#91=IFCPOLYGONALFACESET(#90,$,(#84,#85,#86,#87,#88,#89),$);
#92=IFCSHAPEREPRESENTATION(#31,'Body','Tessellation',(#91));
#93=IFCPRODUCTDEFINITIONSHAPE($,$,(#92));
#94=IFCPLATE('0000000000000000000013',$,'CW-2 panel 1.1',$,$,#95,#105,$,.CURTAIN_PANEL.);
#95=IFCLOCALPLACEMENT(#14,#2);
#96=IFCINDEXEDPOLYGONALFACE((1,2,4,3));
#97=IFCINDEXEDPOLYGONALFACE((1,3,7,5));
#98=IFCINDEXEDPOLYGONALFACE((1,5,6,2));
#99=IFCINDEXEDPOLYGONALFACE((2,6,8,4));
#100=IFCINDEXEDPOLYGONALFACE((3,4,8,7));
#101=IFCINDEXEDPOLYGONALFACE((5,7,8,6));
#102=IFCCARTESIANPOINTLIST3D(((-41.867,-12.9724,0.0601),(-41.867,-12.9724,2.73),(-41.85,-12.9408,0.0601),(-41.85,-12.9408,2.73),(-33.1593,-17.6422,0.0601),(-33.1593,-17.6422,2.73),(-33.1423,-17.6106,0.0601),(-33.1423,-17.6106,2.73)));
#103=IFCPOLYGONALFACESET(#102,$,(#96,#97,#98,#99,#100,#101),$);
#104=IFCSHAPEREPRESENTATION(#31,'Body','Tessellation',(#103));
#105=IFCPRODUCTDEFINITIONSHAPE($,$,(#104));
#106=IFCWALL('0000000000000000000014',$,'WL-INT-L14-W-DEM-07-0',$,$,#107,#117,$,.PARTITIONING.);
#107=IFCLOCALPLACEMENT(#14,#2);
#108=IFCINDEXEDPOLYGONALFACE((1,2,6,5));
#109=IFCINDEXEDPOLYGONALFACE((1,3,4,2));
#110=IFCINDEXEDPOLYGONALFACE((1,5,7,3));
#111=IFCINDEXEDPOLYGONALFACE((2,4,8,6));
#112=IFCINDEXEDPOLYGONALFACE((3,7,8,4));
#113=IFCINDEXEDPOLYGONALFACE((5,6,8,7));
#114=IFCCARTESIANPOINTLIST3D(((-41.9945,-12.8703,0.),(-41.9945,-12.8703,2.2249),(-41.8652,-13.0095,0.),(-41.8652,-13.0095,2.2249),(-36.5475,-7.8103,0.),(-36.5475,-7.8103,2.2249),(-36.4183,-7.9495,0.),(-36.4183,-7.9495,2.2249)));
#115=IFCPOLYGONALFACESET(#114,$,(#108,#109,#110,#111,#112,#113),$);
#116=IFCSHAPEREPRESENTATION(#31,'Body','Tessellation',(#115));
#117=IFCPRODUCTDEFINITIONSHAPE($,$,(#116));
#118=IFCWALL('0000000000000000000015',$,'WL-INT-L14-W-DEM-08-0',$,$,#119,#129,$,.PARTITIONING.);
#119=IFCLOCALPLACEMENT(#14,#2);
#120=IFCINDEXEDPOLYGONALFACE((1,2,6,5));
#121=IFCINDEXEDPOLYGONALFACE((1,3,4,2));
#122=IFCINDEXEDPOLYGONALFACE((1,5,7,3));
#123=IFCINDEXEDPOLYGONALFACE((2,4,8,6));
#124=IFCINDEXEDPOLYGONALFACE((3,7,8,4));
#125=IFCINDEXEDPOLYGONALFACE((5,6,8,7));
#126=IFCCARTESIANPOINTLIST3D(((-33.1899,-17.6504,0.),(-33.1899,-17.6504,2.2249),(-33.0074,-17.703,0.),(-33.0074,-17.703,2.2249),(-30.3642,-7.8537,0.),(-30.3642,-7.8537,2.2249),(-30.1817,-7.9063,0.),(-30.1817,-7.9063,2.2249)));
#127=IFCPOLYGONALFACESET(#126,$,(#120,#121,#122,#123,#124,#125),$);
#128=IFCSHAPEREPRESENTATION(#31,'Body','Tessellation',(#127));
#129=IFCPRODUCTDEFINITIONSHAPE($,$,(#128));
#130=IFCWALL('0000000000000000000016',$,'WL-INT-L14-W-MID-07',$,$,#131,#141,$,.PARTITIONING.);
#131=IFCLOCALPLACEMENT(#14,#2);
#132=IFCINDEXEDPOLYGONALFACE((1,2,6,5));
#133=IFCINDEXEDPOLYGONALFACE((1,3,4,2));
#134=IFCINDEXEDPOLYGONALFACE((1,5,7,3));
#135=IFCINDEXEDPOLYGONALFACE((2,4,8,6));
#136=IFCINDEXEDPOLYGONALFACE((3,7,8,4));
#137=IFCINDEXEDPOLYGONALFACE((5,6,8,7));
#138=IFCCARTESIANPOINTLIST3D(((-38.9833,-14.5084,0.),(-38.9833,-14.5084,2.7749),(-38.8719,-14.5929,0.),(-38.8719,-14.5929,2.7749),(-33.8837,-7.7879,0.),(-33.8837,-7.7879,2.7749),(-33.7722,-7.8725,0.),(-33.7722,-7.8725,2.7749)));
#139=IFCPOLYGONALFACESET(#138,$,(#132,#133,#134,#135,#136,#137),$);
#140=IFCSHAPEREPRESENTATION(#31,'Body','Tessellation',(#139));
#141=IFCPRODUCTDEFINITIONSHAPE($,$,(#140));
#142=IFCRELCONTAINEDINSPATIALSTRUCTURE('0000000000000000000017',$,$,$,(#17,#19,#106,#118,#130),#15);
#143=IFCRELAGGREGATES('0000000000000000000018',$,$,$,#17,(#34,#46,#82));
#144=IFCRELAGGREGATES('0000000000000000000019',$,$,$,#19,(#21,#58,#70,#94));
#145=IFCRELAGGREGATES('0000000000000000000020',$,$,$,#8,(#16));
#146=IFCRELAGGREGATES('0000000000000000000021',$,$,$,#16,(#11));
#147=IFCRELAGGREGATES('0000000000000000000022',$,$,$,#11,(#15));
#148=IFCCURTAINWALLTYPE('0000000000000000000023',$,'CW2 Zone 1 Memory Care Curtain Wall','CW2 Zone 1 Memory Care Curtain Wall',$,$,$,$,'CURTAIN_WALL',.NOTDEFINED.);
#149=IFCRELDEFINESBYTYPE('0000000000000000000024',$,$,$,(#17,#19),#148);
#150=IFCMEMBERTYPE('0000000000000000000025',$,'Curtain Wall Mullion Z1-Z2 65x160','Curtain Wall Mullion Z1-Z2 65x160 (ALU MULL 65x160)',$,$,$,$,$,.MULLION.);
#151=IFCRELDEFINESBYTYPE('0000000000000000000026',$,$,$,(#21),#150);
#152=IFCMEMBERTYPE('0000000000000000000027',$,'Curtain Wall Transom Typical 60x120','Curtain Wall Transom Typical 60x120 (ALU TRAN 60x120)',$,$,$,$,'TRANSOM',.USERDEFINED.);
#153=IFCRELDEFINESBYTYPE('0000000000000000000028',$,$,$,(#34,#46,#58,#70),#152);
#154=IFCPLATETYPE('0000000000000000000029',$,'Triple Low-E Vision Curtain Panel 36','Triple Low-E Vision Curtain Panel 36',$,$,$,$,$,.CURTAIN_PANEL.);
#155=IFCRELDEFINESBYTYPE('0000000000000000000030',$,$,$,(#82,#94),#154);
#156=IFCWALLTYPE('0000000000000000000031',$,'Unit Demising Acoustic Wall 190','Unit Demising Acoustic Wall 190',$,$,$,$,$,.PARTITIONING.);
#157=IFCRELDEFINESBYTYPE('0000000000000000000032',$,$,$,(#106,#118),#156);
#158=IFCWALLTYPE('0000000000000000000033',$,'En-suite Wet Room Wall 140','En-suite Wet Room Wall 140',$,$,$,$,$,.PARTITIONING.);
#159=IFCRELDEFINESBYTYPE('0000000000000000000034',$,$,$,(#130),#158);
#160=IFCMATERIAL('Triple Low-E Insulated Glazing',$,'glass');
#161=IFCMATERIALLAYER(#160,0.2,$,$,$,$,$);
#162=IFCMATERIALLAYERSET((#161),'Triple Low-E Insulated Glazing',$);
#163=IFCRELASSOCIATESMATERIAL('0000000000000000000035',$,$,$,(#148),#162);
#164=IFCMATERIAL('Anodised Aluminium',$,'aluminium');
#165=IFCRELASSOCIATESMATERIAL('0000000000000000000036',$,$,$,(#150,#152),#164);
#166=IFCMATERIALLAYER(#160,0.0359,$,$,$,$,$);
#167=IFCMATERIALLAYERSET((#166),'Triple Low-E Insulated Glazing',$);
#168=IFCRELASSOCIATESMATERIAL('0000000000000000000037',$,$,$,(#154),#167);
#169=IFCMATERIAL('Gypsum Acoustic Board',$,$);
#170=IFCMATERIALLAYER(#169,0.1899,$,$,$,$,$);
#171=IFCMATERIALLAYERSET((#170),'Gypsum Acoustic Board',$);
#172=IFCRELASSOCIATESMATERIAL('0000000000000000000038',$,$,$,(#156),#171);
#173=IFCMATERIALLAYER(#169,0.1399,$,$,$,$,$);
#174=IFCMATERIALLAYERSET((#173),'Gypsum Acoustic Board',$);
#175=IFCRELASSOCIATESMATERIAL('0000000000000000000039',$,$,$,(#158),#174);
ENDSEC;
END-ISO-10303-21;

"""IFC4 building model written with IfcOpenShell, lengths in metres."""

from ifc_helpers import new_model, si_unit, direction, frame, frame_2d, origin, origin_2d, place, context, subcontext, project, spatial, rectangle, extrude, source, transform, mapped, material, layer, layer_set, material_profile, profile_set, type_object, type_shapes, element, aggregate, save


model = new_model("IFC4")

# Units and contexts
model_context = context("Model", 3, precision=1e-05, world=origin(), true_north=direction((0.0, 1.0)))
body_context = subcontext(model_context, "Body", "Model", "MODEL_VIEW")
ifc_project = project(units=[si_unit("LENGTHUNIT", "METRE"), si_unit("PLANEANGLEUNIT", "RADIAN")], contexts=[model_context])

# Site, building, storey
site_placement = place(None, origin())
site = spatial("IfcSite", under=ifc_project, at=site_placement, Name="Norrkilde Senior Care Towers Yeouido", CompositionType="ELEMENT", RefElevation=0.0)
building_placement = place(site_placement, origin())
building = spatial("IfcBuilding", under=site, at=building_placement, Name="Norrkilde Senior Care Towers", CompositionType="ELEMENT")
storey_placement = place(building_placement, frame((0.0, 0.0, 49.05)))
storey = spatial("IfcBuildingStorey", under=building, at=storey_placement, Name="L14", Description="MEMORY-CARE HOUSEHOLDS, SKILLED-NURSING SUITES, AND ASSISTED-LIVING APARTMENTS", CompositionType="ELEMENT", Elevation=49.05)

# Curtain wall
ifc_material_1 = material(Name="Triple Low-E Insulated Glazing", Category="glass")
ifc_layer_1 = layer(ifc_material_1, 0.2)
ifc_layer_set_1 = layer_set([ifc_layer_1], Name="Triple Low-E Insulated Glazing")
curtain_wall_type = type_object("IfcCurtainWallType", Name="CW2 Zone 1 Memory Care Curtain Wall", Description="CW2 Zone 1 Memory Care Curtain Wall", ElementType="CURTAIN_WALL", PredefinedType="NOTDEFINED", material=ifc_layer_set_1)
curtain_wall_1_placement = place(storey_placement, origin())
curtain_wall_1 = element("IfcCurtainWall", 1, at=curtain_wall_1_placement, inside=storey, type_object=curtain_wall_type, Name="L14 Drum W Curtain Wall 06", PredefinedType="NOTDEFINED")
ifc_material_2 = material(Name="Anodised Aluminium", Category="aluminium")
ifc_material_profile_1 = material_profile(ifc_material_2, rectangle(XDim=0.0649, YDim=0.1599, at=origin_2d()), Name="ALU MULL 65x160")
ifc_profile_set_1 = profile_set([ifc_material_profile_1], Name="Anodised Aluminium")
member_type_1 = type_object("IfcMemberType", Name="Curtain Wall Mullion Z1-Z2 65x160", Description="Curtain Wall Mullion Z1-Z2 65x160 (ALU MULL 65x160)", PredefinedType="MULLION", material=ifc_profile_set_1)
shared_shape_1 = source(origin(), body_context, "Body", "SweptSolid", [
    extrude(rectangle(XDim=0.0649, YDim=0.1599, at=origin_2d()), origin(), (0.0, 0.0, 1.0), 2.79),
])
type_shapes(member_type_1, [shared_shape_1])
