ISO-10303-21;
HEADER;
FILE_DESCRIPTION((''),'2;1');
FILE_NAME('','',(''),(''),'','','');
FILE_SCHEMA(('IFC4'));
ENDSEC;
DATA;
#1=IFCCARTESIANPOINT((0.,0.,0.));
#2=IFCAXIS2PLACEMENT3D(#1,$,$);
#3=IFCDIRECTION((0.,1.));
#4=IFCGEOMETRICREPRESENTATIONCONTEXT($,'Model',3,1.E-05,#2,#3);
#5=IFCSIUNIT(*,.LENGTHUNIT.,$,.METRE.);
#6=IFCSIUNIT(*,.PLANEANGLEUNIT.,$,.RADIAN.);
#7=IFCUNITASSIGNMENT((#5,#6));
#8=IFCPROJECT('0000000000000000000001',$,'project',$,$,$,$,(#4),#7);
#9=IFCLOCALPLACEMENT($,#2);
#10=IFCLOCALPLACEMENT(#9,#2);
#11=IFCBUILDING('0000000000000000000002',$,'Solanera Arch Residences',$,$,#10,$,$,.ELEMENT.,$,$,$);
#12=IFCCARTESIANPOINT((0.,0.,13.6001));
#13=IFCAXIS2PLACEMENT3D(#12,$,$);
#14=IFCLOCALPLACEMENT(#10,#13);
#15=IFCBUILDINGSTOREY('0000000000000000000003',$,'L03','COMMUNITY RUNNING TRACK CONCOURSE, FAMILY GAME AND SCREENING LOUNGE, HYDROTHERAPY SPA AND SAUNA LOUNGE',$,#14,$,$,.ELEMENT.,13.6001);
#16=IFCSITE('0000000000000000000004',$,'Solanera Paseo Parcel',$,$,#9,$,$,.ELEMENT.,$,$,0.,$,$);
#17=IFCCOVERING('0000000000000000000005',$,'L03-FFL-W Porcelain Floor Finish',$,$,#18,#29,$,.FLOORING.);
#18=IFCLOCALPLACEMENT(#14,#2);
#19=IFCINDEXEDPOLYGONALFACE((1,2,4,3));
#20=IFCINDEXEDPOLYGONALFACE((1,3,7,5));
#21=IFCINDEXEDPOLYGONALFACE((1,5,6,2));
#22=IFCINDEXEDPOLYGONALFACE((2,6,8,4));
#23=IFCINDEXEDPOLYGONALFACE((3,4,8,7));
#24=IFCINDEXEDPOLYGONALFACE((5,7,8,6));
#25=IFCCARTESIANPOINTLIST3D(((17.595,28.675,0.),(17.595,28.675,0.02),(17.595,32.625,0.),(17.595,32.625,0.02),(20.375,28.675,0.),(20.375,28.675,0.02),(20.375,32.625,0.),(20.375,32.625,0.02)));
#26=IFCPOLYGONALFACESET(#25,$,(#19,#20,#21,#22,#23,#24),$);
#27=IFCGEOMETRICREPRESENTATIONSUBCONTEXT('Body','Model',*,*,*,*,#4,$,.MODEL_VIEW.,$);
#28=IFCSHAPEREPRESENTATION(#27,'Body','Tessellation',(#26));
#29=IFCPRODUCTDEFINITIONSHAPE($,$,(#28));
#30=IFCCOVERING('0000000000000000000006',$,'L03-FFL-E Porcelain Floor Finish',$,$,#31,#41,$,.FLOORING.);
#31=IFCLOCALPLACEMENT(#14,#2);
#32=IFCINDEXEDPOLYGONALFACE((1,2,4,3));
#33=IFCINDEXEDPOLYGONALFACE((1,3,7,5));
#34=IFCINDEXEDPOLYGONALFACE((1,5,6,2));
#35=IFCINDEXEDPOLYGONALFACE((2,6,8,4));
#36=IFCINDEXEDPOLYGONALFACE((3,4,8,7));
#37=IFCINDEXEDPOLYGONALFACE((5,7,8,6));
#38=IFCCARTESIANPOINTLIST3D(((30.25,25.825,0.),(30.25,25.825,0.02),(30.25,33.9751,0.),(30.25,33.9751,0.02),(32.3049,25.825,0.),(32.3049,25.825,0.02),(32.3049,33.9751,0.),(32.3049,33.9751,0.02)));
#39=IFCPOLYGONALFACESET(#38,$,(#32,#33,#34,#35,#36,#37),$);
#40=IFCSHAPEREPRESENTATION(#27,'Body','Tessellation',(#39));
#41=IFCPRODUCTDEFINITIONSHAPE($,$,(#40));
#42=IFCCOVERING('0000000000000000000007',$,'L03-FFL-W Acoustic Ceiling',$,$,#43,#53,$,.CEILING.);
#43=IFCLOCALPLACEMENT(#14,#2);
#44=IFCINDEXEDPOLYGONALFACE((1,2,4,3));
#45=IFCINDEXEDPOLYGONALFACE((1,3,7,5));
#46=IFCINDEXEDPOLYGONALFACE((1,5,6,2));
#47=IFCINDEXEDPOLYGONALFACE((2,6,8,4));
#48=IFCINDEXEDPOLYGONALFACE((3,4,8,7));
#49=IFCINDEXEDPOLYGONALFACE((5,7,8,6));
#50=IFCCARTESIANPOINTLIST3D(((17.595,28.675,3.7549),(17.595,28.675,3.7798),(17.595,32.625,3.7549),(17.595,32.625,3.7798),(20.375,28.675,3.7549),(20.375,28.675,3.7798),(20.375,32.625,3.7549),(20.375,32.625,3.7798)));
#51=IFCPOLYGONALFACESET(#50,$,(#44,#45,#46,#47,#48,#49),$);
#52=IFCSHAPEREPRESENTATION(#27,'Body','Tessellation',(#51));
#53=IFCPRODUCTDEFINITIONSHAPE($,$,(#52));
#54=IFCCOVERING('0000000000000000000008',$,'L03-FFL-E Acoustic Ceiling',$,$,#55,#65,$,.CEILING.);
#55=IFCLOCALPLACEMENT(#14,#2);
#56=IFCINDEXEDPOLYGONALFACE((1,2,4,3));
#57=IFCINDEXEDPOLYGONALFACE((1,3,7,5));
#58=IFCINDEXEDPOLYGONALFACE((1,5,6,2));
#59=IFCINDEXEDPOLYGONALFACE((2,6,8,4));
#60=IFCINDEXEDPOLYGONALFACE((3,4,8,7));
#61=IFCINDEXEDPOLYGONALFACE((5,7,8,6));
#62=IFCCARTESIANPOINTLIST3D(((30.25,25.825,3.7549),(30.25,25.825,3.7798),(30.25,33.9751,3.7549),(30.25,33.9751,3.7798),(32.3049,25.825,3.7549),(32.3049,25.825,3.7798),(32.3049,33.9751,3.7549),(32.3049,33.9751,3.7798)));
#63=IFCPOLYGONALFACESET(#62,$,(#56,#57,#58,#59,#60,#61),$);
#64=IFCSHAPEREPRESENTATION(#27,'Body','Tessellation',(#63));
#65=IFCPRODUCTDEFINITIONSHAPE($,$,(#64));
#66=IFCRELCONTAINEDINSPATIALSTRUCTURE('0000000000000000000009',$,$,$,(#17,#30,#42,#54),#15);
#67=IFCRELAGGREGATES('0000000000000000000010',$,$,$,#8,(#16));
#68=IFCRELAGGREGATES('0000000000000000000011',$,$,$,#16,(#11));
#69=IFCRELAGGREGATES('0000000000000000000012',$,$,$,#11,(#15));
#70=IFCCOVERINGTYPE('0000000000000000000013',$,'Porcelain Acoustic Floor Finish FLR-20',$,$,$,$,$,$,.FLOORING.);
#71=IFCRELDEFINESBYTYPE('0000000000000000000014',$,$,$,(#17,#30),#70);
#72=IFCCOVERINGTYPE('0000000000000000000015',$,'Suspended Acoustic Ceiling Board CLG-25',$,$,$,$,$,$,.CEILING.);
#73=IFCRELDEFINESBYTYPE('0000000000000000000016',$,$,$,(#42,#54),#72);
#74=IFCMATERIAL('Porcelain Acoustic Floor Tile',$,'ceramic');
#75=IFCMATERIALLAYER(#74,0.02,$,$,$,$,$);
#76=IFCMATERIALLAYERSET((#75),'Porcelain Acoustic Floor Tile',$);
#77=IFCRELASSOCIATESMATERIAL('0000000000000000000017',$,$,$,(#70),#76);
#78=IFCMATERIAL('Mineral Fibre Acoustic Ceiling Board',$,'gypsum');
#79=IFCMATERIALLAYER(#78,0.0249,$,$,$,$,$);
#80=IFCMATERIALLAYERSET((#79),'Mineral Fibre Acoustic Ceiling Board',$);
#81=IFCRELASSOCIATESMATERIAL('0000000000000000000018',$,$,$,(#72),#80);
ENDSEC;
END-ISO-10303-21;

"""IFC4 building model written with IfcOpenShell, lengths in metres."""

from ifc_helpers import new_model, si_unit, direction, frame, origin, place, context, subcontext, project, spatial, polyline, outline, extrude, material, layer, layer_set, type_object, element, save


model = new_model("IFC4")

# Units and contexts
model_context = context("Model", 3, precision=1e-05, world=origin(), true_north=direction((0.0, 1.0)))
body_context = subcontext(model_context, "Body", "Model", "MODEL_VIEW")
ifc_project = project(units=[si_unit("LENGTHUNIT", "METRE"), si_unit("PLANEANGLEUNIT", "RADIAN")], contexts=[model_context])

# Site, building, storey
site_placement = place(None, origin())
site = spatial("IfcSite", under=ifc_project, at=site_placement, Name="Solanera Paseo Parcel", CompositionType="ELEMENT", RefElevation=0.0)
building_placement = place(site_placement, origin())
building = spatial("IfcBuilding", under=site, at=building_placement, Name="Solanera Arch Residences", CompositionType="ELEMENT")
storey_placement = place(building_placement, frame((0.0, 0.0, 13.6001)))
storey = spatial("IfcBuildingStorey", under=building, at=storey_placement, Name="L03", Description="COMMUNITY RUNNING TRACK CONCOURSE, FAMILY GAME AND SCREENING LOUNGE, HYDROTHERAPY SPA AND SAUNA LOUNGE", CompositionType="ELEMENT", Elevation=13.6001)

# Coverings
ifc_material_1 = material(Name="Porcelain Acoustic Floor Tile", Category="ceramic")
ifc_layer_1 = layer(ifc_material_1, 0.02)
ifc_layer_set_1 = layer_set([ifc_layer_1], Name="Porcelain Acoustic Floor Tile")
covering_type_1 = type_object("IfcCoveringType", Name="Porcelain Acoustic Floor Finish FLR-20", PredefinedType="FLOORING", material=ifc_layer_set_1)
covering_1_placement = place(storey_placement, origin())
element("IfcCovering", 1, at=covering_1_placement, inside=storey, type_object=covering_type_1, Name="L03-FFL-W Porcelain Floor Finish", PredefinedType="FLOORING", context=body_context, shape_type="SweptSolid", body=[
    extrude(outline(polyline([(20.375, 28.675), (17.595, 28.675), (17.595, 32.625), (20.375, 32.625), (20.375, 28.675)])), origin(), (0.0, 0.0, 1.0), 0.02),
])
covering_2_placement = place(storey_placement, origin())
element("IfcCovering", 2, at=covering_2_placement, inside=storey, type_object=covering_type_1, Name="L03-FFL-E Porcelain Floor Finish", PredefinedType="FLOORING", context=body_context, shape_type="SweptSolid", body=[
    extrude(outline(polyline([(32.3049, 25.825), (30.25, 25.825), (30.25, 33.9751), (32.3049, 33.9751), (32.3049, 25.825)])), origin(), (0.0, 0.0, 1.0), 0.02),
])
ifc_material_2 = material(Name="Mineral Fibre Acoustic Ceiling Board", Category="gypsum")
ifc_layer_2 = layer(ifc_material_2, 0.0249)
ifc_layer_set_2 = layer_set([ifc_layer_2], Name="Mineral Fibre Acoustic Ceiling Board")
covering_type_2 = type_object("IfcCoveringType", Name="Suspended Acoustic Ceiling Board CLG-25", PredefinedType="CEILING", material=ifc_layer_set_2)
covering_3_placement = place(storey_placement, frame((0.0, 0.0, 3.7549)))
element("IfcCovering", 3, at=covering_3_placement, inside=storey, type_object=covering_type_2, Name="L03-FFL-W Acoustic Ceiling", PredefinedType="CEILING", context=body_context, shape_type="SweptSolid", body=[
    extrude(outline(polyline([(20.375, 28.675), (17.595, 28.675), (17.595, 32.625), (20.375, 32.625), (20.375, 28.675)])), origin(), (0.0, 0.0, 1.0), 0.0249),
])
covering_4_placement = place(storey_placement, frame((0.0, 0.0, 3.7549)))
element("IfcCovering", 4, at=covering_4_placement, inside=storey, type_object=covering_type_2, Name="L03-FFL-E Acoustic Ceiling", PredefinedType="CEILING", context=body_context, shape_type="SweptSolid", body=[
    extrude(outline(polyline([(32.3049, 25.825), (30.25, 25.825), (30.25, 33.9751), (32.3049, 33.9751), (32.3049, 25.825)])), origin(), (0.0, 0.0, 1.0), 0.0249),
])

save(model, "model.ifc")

→ Your task: Each line of the material that includes the string "IFCPRODUCTDEFINITIONSHAPE" is to be counted; give only the final number.

→ Answer below: 9